_Data for analysis_
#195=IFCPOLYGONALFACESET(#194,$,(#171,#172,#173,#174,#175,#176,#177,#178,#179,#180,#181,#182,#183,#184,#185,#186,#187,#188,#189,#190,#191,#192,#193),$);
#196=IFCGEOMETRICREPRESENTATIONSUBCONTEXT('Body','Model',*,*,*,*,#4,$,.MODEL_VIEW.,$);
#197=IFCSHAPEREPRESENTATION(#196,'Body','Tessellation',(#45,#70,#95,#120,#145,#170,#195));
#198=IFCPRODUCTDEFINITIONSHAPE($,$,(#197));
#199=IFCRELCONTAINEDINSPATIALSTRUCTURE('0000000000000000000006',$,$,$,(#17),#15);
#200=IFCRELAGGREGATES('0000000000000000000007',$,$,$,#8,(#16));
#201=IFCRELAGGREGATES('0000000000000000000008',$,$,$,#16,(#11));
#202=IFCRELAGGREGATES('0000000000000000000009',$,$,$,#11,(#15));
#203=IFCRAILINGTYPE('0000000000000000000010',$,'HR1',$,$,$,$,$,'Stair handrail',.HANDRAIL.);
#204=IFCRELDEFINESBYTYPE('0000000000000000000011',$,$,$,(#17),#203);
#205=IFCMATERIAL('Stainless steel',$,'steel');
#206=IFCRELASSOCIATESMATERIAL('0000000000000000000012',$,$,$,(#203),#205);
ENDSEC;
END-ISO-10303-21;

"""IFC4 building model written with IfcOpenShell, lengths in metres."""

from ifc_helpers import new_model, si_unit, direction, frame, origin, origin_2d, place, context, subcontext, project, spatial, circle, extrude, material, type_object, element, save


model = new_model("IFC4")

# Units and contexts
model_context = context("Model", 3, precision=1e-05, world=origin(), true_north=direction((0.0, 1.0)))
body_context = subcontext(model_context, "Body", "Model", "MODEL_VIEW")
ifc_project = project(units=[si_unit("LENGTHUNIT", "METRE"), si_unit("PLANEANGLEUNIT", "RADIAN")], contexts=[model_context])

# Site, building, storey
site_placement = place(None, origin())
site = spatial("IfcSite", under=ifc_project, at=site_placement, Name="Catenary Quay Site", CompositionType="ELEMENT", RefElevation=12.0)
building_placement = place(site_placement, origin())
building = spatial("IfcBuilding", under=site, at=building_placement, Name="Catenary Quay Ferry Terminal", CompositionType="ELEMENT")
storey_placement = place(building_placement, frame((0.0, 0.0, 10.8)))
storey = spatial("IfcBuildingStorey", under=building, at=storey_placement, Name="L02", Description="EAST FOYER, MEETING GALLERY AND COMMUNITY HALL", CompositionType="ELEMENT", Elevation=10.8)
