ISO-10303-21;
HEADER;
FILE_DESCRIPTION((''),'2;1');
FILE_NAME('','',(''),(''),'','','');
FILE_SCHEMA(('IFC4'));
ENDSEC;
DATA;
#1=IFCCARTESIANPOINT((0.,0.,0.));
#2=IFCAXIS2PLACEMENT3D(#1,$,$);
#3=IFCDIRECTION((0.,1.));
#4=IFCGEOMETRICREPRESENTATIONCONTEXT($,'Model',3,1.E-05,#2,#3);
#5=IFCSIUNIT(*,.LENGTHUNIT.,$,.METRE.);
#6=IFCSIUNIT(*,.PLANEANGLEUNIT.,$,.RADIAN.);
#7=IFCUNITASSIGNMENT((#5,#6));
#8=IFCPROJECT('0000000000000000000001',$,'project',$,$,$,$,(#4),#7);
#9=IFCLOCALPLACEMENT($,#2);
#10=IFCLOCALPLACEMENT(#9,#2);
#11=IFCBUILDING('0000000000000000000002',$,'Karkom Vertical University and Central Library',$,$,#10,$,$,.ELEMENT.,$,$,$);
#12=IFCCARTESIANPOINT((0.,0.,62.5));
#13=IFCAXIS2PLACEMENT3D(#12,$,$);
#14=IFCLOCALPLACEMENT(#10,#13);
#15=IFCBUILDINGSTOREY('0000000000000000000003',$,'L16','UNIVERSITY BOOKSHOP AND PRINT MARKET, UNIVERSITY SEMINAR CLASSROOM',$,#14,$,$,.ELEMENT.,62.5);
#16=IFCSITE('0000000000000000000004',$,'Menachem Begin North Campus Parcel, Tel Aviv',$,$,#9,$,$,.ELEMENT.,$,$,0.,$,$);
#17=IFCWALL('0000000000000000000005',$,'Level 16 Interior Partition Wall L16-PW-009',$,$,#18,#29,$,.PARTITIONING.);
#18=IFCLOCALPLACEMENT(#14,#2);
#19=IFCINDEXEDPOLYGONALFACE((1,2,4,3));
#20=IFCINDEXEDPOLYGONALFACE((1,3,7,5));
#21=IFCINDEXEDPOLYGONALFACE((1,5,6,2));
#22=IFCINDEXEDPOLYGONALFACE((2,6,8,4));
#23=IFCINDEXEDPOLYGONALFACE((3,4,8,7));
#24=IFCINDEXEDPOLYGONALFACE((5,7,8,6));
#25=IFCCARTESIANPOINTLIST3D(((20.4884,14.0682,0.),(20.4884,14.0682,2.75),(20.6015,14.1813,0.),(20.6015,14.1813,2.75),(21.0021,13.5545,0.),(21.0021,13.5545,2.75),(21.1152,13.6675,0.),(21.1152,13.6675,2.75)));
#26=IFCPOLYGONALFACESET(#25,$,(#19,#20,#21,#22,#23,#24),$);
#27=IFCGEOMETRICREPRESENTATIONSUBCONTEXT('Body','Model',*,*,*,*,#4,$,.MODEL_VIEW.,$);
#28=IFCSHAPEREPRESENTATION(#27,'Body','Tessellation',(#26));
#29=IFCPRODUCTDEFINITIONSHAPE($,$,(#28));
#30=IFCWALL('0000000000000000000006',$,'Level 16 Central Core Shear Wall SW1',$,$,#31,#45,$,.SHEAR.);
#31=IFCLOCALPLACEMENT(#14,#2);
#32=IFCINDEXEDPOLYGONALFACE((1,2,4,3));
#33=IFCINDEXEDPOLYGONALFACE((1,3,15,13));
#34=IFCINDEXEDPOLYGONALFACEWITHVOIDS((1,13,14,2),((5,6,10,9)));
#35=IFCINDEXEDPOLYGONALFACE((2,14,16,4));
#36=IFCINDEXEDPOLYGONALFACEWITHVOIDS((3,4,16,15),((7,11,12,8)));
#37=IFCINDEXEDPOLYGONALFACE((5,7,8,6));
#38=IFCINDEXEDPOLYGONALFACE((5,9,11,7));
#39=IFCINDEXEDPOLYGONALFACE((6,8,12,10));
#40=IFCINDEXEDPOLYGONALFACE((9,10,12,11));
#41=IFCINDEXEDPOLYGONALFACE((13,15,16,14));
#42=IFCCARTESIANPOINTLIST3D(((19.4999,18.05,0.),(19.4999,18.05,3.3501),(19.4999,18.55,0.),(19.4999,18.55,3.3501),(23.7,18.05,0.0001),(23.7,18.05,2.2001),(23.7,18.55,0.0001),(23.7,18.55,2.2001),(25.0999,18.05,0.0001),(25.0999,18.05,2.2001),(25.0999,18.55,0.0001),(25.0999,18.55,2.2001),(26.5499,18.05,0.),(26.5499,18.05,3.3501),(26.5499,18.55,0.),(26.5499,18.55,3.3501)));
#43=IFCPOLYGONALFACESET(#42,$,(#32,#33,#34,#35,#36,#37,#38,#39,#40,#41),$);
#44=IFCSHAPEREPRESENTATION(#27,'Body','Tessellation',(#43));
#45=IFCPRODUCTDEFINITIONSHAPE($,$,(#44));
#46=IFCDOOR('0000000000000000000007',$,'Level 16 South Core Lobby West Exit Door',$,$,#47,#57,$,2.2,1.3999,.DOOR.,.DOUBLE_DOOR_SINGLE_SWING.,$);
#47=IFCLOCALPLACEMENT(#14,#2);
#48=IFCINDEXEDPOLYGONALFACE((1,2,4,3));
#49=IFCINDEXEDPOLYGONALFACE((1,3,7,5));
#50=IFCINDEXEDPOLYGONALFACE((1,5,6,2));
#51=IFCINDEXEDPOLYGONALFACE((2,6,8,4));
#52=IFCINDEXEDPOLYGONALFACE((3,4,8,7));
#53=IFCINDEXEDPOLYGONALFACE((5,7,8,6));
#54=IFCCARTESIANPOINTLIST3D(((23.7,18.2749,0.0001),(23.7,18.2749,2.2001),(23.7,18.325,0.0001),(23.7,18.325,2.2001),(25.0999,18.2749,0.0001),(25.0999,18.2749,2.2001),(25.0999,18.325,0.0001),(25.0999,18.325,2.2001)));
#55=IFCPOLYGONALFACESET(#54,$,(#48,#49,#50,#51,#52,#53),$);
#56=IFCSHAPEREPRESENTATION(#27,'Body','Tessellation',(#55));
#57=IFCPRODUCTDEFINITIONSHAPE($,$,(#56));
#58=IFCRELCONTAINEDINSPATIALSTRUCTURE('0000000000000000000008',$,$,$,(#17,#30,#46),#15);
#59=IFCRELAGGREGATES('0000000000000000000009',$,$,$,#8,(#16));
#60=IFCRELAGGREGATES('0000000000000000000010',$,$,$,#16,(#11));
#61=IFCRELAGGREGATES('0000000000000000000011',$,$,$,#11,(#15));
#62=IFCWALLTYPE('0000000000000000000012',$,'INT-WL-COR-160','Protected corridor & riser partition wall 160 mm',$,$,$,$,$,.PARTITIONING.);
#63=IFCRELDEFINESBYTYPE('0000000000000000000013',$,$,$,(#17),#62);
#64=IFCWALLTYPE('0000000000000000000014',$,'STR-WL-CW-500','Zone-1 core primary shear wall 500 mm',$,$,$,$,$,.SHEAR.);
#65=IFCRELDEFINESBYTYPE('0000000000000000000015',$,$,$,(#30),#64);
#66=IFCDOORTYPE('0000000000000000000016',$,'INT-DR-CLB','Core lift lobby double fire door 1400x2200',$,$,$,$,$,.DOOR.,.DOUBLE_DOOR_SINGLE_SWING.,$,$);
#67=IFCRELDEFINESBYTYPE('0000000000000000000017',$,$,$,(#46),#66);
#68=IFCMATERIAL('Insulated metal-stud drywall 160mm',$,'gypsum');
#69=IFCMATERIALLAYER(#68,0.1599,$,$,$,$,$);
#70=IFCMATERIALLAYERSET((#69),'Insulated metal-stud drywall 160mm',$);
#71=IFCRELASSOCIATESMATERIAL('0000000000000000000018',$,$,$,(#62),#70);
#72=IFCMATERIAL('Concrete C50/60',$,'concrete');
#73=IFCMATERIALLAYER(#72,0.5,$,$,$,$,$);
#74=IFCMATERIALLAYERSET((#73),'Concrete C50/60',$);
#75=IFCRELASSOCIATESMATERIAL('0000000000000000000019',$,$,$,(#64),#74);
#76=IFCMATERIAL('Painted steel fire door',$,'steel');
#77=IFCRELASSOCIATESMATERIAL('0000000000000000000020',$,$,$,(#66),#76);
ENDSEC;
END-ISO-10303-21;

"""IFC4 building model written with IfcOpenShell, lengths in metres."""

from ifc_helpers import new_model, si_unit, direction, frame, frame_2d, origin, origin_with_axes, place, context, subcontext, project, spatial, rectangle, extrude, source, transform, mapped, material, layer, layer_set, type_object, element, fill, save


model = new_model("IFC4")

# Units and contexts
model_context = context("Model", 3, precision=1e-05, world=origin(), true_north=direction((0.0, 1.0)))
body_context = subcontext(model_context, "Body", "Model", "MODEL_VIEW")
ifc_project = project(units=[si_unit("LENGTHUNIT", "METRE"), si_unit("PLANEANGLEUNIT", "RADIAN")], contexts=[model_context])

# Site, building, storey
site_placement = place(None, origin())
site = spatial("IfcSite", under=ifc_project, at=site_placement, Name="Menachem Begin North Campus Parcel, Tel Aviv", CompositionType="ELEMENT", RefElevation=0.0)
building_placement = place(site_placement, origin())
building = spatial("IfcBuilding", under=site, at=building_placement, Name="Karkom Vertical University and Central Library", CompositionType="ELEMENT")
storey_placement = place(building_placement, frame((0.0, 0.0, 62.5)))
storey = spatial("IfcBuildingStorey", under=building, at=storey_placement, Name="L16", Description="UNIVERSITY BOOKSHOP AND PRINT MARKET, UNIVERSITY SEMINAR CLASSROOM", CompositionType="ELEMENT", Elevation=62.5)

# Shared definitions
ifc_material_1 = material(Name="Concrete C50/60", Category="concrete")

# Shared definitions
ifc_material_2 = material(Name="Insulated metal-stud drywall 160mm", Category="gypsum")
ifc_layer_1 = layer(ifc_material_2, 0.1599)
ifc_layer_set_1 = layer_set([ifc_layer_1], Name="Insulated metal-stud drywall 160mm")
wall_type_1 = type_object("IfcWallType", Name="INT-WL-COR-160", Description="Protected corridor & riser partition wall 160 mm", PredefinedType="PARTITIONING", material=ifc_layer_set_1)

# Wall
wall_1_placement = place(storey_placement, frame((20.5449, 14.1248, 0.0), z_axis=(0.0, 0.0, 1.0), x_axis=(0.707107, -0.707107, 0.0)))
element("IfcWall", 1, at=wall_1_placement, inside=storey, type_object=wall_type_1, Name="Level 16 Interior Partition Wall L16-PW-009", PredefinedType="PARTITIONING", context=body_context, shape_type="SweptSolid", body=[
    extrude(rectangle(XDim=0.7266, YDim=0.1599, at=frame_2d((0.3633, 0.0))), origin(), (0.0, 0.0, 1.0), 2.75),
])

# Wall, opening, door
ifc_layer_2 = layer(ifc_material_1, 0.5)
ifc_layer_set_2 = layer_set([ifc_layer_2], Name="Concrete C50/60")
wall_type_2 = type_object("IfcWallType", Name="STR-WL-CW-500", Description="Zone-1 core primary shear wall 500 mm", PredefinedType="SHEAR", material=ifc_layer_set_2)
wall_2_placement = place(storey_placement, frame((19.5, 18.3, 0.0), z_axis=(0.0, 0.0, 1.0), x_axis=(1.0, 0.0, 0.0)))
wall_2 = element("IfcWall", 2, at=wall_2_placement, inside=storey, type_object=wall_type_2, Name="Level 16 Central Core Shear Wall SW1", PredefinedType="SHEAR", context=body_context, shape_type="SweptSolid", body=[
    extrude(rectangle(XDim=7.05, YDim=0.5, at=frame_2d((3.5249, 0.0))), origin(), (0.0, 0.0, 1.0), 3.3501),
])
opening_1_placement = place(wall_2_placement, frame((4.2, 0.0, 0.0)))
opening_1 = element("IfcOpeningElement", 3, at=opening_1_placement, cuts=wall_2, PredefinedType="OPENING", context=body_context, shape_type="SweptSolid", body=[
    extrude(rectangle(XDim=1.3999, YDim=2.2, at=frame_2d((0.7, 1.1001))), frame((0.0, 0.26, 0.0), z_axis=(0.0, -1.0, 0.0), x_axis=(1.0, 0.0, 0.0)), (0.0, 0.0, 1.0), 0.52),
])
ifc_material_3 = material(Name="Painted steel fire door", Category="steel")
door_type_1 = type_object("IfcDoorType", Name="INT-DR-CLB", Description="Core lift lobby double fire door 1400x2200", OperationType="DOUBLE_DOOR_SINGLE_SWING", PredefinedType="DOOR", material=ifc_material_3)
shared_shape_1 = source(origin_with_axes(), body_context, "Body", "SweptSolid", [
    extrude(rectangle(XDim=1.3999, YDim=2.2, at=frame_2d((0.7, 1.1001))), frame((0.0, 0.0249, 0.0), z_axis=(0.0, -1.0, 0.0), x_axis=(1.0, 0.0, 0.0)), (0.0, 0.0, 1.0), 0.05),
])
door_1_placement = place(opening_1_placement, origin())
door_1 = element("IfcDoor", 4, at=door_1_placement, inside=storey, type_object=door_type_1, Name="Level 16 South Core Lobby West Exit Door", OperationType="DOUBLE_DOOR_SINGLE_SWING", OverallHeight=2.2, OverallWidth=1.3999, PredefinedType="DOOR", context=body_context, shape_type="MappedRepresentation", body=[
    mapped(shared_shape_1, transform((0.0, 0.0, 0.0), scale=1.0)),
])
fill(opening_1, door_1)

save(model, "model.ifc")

_Instructions to follow_
Look through the entries, and return every line that the word "IFCMATERIALLAYERSET" appears in.

_Solution_
#70=IFCMATERIALLAYERSET((#69),'Insulated metal-stud drywall 160mm',$);
#74=IFCMATERIALLAYERSET((#73),'Concrete C50/60',$);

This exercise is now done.